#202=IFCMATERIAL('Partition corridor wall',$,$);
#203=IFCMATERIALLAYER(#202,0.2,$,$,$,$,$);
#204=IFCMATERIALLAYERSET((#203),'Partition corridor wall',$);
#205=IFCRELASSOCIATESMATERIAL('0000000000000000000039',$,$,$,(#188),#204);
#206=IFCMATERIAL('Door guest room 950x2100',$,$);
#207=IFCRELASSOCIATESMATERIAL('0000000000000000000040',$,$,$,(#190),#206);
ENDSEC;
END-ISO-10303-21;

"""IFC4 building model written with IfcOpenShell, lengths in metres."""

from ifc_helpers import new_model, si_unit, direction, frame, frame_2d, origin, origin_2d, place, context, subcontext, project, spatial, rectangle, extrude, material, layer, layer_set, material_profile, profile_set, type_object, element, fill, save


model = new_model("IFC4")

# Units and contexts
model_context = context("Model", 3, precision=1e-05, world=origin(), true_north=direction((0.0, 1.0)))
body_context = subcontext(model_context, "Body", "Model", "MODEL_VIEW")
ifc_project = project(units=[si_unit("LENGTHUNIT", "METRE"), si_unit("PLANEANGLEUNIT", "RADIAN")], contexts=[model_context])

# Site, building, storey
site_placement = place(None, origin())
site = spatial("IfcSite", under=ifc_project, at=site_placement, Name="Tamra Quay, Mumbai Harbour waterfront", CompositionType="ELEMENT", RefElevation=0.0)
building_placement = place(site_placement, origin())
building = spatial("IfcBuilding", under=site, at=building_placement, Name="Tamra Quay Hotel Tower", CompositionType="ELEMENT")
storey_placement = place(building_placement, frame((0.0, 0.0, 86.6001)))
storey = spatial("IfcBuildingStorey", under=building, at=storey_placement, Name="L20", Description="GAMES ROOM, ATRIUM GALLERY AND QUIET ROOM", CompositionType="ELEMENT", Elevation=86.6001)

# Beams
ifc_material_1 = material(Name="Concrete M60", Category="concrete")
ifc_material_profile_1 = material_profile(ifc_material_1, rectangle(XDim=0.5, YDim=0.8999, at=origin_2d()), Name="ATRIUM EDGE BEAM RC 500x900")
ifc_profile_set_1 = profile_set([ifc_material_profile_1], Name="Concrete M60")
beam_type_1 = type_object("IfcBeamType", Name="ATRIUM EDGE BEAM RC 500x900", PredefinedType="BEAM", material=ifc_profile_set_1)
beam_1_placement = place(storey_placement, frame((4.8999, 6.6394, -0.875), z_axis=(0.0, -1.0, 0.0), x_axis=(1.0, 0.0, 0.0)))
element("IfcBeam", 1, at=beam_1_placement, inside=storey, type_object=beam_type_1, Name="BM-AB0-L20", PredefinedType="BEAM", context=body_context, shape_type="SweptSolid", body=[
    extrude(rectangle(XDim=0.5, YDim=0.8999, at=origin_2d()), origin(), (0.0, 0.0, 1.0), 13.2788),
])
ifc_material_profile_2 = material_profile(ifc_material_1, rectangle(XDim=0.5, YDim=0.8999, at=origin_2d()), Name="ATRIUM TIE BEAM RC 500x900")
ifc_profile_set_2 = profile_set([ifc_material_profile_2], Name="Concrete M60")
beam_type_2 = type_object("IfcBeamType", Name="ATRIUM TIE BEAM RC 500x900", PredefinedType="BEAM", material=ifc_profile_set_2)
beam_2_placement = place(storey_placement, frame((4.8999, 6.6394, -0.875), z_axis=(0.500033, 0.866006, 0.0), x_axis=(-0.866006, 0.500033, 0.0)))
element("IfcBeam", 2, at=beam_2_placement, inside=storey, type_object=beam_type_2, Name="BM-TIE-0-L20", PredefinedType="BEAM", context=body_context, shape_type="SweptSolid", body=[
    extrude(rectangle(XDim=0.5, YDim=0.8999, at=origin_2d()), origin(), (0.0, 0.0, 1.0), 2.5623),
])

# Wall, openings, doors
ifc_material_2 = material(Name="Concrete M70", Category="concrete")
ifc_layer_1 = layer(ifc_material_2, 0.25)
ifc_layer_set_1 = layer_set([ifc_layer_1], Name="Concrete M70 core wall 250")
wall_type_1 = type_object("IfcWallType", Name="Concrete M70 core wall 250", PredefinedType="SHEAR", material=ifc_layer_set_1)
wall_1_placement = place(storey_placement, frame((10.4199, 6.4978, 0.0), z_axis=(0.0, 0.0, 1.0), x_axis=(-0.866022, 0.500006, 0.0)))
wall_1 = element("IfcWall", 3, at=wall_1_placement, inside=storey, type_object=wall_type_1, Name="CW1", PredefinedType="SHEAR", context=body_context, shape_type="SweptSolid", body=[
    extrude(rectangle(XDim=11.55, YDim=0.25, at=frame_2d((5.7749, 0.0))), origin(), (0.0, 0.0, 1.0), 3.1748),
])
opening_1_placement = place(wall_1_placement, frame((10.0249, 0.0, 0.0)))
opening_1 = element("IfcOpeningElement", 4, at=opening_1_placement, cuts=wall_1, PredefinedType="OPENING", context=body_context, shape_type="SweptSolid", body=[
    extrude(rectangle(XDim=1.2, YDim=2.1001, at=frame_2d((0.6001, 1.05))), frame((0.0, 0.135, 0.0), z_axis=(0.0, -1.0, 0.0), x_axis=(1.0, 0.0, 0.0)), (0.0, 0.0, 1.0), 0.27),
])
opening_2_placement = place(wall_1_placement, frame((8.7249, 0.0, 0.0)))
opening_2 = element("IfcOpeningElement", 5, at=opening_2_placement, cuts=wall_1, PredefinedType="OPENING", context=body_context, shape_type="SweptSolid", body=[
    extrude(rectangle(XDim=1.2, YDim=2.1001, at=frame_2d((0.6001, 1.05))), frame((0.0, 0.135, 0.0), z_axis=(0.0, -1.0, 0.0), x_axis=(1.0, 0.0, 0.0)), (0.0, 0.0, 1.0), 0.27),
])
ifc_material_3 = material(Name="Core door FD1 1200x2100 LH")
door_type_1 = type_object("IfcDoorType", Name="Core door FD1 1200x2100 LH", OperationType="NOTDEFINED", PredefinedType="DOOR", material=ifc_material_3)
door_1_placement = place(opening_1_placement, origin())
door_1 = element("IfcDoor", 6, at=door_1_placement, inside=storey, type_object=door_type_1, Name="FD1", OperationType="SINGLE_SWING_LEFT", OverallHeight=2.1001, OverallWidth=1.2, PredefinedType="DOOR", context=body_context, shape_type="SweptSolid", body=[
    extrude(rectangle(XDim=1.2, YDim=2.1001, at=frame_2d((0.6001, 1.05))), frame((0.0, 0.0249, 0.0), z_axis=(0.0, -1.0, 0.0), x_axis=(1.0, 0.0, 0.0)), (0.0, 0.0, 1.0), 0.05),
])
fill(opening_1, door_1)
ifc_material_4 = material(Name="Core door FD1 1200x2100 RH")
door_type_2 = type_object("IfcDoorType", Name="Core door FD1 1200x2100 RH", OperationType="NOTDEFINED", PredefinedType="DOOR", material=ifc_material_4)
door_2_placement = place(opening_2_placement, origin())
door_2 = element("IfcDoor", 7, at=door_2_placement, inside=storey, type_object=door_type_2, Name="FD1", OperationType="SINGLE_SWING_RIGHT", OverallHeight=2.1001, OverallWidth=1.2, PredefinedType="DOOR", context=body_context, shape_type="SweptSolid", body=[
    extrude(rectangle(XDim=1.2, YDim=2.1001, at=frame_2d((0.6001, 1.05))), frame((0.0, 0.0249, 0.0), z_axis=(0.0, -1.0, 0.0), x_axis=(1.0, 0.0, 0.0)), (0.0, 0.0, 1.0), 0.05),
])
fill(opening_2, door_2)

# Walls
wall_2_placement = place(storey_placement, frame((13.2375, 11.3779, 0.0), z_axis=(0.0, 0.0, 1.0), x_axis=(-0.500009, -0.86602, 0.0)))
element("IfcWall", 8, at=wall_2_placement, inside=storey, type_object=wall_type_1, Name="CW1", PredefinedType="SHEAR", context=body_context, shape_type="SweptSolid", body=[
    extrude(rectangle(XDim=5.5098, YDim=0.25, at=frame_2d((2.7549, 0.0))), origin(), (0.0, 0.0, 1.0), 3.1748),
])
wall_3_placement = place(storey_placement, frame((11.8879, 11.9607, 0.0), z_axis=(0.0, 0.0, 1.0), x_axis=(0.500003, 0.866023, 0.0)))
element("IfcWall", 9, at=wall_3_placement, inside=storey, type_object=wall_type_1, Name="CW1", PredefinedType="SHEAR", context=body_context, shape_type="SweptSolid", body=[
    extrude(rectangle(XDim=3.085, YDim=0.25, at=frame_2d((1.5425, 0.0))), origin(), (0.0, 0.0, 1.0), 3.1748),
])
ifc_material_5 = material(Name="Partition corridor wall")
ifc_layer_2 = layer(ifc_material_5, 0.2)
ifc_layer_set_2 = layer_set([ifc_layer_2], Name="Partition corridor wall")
--------------------------------------------------
WHAT NEEDS TO BE DONE: Your task is to reproduce the entries exactly, starting at the first line and ending with the line containing "building model written".

ANSWER TO THIS EXERCISE:
#202=IFCMATERIAL('Partition corridor wall',$,$);
#203=IFCMATERIALLAYER(#202,0.2,$,$,$,$,$);
#204=IFCMATERIALLAYERSET((#203),'Partition corridor wall',$);
#205=IFCRELASSOCIATESMATERIAL('0000000000000000000039',$,$,$,(#188),#204);
#206=IFCMATERIAL('Door guest room 950x2100',$,$);
#207=IFCRELASSOCIATESMATERIAL('0000000000000000000040',$,$,$,(#190),#206);
ENDSEC;
END-ISO-10303-21;

"""IFC4 building model written with IfcOpenShell, lengths in metres."""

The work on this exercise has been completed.